----- Data supplied -----

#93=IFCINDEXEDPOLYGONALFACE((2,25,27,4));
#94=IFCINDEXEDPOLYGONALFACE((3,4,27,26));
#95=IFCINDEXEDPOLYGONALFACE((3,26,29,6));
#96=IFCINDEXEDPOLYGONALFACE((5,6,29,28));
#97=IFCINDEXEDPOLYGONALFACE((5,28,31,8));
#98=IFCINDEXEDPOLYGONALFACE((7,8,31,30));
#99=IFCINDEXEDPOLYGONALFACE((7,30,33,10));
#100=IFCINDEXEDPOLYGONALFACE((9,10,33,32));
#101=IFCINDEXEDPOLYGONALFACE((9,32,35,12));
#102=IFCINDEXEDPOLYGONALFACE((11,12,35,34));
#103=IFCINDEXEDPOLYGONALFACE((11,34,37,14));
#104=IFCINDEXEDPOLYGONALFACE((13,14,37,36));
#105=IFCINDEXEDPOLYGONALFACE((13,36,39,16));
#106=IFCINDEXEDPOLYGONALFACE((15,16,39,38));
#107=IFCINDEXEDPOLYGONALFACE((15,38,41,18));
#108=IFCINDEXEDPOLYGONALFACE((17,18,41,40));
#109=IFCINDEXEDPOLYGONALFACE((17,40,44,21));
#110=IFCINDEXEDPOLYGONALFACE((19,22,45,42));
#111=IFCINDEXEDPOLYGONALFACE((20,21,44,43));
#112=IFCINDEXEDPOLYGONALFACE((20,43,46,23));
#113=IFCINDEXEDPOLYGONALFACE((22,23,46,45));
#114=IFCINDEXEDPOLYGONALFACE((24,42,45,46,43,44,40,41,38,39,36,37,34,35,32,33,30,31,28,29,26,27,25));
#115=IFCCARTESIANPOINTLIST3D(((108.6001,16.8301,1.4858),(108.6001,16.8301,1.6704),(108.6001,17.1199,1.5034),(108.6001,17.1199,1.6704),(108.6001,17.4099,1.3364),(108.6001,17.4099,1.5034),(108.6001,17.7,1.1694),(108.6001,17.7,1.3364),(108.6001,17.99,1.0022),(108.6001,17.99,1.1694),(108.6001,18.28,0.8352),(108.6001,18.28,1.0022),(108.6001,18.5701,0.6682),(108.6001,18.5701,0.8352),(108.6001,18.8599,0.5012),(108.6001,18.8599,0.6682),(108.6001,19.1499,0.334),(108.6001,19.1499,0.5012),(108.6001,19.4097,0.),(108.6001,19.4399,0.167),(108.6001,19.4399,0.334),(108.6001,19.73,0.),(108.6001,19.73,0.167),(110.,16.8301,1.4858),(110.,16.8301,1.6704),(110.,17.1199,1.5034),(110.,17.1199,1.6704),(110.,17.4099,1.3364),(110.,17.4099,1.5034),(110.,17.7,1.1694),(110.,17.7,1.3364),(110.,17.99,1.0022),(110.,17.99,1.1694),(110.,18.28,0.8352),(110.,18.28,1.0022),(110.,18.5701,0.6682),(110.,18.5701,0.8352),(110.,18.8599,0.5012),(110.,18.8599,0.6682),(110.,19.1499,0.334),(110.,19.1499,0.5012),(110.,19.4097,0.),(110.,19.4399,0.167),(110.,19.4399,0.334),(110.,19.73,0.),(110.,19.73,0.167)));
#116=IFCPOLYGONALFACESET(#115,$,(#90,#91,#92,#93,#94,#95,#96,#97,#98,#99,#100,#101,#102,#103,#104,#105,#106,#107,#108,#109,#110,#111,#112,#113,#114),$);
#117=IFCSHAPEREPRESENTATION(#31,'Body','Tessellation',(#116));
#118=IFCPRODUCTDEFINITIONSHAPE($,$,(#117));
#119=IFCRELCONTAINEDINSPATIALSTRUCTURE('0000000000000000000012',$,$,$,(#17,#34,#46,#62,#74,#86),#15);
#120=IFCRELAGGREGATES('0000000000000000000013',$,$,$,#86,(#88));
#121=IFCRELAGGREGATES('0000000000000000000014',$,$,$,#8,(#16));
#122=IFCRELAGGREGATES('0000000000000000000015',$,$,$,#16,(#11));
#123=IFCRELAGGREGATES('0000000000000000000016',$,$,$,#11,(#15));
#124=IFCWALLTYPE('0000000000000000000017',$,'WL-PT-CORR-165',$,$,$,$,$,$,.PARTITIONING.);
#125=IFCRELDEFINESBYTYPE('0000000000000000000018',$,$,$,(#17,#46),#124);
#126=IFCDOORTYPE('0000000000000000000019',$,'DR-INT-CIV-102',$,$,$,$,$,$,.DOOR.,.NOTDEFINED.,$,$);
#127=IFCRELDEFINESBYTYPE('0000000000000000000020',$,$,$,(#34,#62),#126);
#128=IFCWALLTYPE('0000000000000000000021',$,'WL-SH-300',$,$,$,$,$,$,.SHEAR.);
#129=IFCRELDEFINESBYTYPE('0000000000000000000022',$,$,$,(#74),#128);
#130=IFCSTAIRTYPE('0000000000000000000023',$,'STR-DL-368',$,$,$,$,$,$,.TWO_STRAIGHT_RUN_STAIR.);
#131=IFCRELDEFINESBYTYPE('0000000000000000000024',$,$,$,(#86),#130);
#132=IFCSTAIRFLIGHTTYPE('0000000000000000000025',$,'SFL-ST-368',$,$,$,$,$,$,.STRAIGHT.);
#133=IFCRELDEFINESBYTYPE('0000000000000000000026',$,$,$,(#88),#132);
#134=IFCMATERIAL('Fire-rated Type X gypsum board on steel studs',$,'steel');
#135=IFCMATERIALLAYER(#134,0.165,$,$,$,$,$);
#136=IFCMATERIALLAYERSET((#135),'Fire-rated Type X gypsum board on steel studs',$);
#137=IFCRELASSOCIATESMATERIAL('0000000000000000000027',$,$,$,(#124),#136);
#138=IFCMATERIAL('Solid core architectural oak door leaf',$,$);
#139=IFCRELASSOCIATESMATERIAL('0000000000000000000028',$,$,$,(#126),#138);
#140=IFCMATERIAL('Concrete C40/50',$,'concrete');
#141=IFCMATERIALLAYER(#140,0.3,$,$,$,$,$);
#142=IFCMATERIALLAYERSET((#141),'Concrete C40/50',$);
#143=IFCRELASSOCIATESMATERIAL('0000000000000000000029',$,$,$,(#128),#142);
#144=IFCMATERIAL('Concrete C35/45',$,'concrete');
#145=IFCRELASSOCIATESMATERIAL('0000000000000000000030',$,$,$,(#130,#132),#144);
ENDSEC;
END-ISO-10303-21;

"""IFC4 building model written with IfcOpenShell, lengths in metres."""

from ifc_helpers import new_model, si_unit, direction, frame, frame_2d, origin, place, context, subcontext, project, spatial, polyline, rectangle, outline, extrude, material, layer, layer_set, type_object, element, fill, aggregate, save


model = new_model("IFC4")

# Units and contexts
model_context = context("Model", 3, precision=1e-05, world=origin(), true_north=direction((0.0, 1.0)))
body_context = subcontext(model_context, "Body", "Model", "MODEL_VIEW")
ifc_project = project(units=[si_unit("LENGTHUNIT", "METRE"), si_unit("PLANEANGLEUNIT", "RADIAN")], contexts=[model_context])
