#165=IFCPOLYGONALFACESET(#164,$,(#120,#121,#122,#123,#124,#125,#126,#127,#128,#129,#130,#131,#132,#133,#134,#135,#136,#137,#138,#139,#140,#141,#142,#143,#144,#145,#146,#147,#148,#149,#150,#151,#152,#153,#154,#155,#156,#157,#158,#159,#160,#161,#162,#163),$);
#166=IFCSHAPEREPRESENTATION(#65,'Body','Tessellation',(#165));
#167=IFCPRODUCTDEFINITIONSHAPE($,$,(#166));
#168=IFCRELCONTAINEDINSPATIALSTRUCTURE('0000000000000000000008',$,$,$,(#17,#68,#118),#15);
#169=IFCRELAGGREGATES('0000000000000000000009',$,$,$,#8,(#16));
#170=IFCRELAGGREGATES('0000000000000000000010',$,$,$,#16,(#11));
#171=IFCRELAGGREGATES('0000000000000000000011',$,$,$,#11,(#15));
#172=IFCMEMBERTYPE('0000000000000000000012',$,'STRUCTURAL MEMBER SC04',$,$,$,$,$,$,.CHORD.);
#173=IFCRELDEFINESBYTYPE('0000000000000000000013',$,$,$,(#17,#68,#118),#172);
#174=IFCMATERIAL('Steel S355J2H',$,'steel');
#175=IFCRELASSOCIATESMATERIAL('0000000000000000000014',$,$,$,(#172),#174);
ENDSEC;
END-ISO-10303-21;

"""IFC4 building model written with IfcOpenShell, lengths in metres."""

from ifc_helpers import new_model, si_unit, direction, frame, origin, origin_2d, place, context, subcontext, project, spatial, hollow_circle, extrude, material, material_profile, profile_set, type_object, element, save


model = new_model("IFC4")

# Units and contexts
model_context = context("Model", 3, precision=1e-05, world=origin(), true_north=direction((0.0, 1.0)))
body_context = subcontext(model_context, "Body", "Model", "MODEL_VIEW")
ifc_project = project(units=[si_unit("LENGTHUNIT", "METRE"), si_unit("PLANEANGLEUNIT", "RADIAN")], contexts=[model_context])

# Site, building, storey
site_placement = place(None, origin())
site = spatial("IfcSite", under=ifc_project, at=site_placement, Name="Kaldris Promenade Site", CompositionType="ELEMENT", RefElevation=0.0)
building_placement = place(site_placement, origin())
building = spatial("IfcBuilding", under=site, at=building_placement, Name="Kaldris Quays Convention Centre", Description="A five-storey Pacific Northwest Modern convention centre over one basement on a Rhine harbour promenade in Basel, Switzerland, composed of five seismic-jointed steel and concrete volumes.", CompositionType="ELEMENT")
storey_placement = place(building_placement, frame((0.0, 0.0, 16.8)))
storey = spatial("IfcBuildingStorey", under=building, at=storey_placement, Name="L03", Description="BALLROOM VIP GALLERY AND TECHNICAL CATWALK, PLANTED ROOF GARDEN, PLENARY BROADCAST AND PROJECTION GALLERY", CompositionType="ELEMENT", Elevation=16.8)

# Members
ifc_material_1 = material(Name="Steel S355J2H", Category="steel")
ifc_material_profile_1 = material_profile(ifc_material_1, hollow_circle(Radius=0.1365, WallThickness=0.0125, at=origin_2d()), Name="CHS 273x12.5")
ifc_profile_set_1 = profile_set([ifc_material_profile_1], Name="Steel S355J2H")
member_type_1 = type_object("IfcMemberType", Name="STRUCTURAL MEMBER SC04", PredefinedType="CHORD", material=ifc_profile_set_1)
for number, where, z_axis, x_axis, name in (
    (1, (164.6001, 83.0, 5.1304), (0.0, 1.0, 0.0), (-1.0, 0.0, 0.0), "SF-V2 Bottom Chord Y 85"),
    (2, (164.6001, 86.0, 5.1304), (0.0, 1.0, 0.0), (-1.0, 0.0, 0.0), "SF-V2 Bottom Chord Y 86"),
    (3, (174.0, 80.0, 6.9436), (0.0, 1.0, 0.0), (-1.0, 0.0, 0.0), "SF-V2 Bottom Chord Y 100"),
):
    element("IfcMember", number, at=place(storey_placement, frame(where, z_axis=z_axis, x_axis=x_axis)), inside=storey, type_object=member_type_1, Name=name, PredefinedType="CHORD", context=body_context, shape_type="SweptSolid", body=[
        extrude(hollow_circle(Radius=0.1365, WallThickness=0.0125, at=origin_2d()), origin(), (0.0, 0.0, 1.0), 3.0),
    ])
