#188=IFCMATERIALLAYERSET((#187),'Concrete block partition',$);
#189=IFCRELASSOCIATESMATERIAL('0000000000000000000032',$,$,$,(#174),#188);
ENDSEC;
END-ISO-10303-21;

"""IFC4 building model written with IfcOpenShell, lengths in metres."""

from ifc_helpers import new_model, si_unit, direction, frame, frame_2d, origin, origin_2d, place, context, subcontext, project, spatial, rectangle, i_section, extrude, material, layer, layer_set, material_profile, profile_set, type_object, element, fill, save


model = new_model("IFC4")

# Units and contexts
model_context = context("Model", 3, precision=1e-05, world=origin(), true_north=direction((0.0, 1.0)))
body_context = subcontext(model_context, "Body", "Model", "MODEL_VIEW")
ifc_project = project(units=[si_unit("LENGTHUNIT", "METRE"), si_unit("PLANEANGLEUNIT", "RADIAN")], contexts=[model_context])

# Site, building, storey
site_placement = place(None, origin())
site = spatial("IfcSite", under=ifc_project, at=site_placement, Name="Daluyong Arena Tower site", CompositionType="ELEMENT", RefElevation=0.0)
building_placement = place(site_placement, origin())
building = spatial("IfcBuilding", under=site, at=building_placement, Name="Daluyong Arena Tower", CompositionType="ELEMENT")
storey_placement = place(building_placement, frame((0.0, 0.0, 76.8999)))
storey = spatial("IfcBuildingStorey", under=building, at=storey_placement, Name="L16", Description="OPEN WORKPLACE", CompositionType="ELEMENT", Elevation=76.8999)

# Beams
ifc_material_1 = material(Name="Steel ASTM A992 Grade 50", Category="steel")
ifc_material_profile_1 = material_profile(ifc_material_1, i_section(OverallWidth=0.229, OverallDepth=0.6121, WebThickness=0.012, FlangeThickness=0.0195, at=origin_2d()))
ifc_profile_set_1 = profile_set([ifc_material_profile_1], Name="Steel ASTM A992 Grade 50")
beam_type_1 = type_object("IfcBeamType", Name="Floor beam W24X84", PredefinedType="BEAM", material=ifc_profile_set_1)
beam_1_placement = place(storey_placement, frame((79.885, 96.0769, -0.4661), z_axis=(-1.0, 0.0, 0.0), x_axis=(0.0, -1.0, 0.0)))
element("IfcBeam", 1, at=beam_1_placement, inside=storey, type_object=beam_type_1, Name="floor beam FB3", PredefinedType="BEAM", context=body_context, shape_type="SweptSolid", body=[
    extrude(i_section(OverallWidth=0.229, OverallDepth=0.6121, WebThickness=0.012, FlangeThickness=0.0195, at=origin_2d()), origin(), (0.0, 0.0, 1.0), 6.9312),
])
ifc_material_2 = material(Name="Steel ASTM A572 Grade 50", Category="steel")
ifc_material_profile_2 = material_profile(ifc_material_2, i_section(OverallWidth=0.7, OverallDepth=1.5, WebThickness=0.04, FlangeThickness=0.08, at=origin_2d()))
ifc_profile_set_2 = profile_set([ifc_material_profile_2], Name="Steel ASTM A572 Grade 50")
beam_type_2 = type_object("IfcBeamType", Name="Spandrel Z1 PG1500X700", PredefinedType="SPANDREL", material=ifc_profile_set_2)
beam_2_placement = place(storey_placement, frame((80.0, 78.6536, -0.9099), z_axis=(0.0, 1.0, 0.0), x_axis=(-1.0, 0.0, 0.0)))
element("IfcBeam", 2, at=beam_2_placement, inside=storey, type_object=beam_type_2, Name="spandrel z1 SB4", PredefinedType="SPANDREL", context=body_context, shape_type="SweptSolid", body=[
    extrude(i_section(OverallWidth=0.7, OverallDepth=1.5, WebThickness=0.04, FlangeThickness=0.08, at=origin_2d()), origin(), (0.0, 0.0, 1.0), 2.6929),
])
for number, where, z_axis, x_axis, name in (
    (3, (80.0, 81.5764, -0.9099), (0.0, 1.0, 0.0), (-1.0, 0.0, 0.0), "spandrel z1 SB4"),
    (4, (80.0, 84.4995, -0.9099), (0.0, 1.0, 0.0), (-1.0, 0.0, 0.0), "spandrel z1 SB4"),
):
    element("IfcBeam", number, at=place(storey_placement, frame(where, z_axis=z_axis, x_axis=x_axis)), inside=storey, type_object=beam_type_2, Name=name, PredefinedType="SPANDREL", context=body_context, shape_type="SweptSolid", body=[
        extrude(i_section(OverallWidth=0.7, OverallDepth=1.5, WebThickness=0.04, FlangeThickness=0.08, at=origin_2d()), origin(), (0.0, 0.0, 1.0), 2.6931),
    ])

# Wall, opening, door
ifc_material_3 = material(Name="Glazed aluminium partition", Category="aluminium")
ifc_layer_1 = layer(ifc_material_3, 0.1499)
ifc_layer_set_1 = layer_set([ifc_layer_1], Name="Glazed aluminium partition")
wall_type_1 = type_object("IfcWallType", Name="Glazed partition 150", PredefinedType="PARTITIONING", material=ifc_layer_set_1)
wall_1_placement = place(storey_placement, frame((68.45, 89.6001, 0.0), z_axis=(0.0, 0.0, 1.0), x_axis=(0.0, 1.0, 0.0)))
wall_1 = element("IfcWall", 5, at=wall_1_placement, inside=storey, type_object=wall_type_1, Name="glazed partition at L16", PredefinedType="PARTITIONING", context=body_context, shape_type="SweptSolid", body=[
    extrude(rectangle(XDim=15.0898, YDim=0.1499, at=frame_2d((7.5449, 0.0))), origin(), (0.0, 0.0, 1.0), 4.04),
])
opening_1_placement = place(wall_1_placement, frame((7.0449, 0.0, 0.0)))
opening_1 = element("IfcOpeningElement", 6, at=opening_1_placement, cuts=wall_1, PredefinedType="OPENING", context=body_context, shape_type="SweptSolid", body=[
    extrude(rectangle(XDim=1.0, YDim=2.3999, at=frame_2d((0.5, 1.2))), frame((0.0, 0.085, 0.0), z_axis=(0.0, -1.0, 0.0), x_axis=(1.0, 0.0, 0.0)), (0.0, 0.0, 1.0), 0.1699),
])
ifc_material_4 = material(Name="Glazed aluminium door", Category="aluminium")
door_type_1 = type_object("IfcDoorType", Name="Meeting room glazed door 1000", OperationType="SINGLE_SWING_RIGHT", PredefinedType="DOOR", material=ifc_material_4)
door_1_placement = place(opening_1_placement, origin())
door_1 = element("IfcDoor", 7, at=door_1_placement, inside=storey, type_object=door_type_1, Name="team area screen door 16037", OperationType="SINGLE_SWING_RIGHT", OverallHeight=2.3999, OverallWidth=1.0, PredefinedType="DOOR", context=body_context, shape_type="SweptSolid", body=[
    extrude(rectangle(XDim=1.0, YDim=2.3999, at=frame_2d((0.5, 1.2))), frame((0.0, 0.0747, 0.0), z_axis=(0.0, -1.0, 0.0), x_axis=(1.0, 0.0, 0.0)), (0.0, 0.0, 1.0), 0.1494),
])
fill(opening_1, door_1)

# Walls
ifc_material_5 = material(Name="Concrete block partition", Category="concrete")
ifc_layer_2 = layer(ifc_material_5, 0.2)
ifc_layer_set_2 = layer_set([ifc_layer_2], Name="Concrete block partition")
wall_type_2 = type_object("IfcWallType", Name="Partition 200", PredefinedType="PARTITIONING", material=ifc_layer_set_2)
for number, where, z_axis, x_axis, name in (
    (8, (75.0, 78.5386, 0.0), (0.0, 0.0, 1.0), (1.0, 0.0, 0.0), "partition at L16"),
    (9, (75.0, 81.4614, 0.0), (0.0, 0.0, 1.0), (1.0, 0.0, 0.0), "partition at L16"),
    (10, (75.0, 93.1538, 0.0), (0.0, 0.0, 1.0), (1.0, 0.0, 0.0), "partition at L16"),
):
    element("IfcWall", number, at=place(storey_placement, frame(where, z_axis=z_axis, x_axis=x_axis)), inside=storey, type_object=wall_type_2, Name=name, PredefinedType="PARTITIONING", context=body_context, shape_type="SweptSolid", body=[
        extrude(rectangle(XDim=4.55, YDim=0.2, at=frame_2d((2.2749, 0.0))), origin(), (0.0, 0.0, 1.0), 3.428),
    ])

-----

> Exercise:
Looking at the entries above, how many lines contain the word "IfcBeamType"? Answer with the number alone.

> Response below:
2